(REQUIRED WORK):
Could you copy out all the lines in the material below where the word "Category" occurs?

◇ ◇ ◇

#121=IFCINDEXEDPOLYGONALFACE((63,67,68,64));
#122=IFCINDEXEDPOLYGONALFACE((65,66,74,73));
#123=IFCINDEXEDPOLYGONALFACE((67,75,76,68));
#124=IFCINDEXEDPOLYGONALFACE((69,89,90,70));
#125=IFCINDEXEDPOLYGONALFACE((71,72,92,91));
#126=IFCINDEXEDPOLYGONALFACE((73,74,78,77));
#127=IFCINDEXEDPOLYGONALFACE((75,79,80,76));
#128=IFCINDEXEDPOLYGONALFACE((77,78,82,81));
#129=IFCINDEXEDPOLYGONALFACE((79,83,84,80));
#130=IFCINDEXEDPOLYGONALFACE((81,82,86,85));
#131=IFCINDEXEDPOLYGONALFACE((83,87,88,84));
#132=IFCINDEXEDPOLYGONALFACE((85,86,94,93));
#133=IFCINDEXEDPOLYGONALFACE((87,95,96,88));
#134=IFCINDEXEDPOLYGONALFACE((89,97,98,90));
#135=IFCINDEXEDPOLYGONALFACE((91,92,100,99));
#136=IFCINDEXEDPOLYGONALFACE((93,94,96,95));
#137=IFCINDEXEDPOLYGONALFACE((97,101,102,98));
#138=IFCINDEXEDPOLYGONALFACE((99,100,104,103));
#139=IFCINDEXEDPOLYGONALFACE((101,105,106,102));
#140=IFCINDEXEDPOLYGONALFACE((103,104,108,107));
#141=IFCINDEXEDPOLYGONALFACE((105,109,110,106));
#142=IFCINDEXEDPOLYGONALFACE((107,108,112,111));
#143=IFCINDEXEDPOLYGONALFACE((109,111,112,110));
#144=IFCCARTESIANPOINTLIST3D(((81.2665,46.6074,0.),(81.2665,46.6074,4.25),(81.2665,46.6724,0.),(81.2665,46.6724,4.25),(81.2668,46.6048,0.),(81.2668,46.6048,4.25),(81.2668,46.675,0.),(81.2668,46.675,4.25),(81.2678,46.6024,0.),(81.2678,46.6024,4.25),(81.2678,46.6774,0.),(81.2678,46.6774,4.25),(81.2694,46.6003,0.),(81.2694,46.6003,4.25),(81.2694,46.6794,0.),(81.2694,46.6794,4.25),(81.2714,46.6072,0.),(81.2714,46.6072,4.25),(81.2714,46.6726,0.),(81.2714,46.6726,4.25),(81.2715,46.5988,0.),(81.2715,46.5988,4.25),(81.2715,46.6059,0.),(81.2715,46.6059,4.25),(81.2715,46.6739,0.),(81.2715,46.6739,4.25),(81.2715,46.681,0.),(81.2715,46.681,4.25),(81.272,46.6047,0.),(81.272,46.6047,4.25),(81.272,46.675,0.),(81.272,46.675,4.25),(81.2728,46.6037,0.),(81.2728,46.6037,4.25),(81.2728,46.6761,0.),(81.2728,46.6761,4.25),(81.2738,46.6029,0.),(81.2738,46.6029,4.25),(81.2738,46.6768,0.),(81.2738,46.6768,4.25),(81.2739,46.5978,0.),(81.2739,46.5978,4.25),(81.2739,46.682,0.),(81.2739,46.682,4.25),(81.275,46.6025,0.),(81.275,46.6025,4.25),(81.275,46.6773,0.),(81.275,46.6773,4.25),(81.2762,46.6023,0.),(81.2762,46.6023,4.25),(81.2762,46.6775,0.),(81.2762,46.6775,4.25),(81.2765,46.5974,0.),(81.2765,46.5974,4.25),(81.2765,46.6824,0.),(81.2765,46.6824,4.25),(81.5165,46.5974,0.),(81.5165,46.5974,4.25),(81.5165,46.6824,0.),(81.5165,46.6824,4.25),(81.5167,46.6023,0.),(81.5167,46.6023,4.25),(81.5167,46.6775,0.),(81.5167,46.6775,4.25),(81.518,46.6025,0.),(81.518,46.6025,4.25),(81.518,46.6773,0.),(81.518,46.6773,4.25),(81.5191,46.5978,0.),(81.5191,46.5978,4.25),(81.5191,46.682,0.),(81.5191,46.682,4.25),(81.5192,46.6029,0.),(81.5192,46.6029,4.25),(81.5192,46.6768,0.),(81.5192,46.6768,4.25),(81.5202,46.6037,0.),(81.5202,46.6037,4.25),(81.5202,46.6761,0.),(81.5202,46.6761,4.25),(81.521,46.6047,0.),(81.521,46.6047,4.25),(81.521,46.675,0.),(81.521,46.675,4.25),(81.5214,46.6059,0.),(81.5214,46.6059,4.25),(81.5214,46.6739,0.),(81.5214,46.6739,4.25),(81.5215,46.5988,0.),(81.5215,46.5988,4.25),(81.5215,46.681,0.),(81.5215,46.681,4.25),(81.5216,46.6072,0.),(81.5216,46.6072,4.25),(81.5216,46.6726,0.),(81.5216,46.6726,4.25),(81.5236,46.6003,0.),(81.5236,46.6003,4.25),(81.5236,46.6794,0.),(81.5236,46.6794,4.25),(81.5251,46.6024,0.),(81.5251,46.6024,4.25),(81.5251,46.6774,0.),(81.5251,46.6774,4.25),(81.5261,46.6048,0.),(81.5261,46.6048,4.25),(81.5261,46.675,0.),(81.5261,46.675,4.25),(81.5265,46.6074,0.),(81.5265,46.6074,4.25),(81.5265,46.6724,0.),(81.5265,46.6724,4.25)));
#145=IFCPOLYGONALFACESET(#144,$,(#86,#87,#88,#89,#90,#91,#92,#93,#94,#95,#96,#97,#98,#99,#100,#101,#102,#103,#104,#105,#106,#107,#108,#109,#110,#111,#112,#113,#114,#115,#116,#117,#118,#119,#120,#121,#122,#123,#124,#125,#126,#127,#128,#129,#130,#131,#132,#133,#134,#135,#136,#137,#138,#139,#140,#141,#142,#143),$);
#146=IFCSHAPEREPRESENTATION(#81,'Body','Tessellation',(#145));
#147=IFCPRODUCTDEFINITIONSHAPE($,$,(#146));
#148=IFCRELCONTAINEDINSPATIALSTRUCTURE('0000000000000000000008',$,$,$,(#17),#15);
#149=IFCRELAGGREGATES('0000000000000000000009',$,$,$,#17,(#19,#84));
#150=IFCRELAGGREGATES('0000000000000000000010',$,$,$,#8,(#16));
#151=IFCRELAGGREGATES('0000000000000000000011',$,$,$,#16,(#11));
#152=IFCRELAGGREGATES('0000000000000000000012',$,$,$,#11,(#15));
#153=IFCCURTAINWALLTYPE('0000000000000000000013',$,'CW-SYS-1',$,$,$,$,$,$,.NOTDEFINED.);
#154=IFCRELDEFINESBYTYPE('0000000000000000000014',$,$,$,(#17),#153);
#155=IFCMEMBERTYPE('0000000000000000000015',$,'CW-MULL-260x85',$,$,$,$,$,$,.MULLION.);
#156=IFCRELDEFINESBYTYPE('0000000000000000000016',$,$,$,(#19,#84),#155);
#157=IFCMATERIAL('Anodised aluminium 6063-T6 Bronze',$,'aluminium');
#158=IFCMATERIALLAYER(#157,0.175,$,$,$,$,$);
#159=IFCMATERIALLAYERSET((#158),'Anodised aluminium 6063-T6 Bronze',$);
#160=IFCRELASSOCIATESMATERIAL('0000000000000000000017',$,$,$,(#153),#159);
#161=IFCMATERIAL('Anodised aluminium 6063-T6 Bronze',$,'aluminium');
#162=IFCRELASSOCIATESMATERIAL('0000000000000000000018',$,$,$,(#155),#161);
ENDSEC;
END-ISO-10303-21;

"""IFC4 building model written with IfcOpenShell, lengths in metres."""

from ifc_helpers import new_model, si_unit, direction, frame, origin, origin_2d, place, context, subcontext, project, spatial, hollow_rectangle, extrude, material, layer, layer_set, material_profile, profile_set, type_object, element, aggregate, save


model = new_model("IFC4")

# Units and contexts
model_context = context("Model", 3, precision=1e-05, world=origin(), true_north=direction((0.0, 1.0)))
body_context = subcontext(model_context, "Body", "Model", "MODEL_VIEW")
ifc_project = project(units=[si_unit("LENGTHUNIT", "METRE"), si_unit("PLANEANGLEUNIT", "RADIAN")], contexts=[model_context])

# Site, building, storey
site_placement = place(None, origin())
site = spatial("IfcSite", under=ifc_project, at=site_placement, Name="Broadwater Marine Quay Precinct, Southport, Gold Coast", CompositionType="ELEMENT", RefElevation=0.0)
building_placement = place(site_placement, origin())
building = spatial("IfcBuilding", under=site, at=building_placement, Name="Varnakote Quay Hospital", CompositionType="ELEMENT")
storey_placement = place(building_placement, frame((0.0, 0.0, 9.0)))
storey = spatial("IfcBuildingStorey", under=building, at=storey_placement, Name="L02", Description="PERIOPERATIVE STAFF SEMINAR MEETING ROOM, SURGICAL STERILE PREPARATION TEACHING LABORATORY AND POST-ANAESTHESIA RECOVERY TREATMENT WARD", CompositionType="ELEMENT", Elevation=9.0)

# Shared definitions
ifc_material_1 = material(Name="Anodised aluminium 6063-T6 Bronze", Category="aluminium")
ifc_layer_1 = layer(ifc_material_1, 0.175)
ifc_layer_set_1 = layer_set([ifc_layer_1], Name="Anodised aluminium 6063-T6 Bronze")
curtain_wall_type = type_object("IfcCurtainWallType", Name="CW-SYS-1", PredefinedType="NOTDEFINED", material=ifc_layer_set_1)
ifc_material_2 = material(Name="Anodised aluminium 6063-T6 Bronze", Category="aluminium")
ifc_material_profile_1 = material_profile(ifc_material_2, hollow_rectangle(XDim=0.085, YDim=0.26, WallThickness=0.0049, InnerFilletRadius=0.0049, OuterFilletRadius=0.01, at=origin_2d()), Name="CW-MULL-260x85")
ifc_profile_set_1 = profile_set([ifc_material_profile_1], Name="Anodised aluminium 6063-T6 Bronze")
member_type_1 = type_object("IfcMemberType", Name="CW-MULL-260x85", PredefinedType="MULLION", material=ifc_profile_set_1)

◇ ◇ ◇

(COMPLETED EXERCISE):
ifc_material_1 = material(Name="Anodised aluminium 6063-T6 Bronze", Category="aluminium")
ifc_material_2 = material(Name="Anodised aluminium 6063-T6 Bronze", Category="aluminium")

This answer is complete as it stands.